[Collected data entries]

= = = =

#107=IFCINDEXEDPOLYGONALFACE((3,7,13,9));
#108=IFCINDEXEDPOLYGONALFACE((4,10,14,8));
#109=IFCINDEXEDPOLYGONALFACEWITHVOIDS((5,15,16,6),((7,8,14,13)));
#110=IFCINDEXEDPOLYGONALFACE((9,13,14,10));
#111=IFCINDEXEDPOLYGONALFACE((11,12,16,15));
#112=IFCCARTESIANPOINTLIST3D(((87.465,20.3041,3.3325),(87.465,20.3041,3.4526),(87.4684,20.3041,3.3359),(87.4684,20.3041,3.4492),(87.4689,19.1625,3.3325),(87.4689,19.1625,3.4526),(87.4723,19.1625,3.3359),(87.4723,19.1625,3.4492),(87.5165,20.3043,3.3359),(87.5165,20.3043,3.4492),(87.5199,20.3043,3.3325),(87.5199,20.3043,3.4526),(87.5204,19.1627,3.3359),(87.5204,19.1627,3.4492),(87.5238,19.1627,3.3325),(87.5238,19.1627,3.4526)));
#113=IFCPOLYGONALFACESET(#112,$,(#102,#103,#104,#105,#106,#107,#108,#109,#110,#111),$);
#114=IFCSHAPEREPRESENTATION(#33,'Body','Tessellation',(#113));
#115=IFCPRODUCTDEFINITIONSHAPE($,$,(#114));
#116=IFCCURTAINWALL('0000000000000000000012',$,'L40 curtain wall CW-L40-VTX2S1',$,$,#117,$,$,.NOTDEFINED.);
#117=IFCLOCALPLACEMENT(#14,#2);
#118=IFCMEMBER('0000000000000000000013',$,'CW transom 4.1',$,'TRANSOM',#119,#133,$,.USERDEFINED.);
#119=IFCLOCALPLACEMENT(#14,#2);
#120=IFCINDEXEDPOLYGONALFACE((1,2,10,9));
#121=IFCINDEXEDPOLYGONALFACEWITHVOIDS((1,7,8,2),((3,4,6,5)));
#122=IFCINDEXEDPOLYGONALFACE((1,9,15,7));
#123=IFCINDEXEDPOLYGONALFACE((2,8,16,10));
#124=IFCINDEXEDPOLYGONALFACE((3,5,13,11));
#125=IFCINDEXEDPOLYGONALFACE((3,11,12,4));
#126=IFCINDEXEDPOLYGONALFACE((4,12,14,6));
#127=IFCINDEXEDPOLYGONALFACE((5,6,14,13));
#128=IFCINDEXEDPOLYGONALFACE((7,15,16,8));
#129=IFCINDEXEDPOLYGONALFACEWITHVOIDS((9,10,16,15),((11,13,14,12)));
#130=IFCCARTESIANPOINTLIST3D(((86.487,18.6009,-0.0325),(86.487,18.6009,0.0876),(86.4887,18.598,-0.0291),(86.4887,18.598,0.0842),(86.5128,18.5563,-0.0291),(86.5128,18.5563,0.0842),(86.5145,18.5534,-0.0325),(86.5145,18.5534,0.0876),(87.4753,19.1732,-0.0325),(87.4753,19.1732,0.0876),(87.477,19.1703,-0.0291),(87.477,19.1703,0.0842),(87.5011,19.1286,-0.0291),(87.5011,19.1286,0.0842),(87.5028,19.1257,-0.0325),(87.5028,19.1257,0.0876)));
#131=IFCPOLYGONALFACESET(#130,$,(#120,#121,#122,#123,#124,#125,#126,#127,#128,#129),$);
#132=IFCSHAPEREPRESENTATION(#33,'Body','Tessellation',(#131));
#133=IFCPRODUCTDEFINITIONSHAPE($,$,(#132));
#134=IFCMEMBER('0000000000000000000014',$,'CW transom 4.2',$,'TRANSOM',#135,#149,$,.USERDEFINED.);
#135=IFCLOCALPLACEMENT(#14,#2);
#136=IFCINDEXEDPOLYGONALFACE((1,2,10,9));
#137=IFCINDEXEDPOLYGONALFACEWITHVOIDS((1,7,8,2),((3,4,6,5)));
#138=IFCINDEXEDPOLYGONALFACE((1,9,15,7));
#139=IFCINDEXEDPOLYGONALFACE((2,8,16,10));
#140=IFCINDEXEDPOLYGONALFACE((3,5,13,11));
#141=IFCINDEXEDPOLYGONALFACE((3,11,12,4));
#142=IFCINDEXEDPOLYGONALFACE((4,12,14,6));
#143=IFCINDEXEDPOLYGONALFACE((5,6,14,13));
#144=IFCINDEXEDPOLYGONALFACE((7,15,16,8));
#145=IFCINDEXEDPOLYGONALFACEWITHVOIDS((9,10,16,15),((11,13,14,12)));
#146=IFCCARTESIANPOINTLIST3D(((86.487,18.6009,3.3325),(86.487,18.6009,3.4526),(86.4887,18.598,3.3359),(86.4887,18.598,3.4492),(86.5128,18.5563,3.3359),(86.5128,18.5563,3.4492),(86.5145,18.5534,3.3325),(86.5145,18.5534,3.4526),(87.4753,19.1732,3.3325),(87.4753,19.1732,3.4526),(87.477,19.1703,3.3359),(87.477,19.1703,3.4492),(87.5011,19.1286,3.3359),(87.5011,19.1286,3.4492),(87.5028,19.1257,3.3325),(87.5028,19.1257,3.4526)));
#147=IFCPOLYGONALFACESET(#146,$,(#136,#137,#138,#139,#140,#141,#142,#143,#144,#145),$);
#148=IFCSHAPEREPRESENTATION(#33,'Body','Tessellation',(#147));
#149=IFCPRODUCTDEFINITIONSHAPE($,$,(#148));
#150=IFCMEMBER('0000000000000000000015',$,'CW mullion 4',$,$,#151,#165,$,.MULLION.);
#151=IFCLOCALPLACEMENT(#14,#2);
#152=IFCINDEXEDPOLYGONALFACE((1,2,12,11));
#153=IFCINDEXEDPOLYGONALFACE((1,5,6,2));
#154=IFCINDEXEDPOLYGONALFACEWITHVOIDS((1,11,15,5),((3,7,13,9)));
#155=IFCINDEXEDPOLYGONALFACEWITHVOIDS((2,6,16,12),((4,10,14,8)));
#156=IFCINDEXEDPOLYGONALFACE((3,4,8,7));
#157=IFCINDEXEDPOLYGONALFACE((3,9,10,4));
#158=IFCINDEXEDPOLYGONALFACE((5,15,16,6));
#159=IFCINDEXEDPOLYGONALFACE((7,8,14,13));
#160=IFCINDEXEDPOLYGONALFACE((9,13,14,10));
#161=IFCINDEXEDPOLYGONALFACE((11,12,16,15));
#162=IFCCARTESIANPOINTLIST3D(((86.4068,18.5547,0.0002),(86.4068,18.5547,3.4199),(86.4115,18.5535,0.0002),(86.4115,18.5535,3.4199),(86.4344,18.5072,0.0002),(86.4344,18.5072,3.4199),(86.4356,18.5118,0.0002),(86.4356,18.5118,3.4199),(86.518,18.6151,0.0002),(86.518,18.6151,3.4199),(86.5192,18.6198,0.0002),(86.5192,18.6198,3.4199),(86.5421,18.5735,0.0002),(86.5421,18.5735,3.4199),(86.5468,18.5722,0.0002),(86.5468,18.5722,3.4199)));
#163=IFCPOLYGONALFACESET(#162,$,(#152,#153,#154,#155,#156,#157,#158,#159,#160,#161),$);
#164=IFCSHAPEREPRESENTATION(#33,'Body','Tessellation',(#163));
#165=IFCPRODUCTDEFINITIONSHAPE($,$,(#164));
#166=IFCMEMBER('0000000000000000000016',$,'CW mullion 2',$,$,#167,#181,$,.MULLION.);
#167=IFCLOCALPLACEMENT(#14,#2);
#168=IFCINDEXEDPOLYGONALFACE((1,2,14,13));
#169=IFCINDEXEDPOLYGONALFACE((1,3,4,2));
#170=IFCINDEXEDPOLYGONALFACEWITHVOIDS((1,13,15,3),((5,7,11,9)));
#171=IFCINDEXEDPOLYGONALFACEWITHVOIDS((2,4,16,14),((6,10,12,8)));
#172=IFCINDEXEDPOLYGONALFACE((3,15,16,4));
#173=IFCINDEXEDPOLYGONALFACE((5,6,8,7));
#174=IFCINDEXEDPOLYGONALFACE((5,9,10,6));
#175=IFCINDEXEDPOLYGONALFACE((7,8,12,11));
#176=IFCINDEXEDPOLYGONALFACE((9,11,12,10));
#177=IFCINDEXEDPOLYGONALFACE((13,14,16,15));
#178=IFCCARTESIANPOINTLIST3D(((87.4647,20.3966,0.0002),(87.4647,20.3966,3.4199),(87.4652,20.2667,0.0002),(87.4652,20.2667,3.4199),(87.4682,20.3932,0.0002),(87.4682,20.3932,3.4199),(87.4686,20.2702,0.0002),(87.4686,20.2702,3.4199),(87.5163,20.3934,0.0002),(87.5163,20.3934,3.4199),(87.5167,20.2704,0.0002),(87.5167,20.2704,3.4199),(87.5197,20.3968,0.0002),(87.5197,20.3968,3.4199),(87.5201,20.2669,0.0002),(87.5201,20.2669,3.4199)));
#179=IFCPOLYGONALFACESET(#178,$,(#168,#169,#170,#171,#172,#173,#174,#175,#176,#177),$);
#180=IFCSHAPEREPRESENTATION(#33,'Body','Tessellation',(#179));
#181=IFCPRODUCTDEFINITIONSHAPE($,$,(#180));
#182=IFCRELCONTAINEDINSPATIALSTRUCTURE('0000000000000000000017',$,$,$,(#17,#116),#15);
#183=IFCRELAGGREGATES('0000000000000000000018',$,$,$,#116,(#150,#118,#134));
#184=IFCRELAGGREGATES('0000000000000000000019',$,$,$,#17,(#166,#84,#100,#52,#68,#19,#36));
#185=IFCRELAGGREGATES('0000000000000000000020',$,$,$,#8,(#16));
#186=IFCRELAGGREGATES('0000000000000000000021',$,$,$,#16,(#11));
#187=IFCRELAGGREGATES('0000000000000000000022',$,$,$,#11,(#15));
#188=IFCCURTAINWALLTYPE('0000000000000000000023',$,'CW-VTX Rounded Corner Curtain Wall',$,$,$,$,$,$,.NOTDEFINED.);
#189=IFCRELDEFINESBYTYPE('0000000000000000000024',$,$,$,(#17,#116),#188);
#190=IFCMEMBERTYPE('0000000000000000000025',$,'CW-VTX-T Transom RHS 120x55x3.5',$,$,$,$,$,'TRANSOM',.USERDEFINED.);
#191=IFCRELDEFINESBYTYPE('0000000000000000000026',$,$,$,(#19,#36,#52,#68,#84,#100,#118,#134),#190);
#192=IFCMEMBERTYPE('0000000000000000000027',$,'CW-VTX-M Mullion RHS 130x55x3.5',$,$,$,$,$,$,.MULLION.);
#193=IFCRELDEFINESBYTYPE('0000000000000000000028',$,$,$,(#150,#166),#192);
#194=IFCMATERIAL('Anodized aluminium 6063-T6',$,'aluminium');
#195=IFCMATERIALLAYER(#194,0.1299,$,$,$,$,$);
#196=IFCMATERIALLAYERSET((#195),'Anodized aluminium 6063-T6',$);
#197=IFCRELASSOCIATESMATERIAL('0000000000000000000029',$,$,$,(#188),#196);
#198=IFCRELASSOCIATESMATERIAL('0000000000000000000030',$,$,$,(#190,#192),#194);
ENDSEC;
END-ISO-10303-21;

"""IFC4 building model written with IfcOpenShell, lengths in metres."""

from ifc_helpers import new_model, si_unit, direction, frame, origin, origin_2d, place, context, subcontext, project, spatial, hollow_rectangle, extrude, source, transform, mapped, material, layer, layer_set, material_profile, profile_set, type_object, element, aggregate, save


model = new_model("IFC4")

= = = =

> **What is being asked**: Once you find the line with "#168=IFCINDEXEDPOLYGONALFACE((1,2,14,13));" in the entries above, output it and each line after it up to and including the line with "#174=IFCINDEXEDPOLYGONALFACE((5,9,10,6));", and nothing else.

> **Worked solution**:
#168=IFCINDEXEDPOLYGONALFACE((1,2,14,13));
#169=IFCINDEXEDPOLYGONALFACE((1,3,4,2));
#170=IFCINDEXEDPOLYGONALFACEWITHVOIDS((1,13,15,3),((5,7,11,9)));
#171=IFCINDEXEDPOLYGONALFACEWITHVOIDS((2,4,16,14),((6,10,12,8)));
#172=IFCINDEXEDPOLYGONALFACE((3,15,16,4));
#173=IFCINDEXEDPOLYGONALFACE((5,6,8,7));
#174=IFCINDEXEDPOLYGONALFACE((5,9,10,6));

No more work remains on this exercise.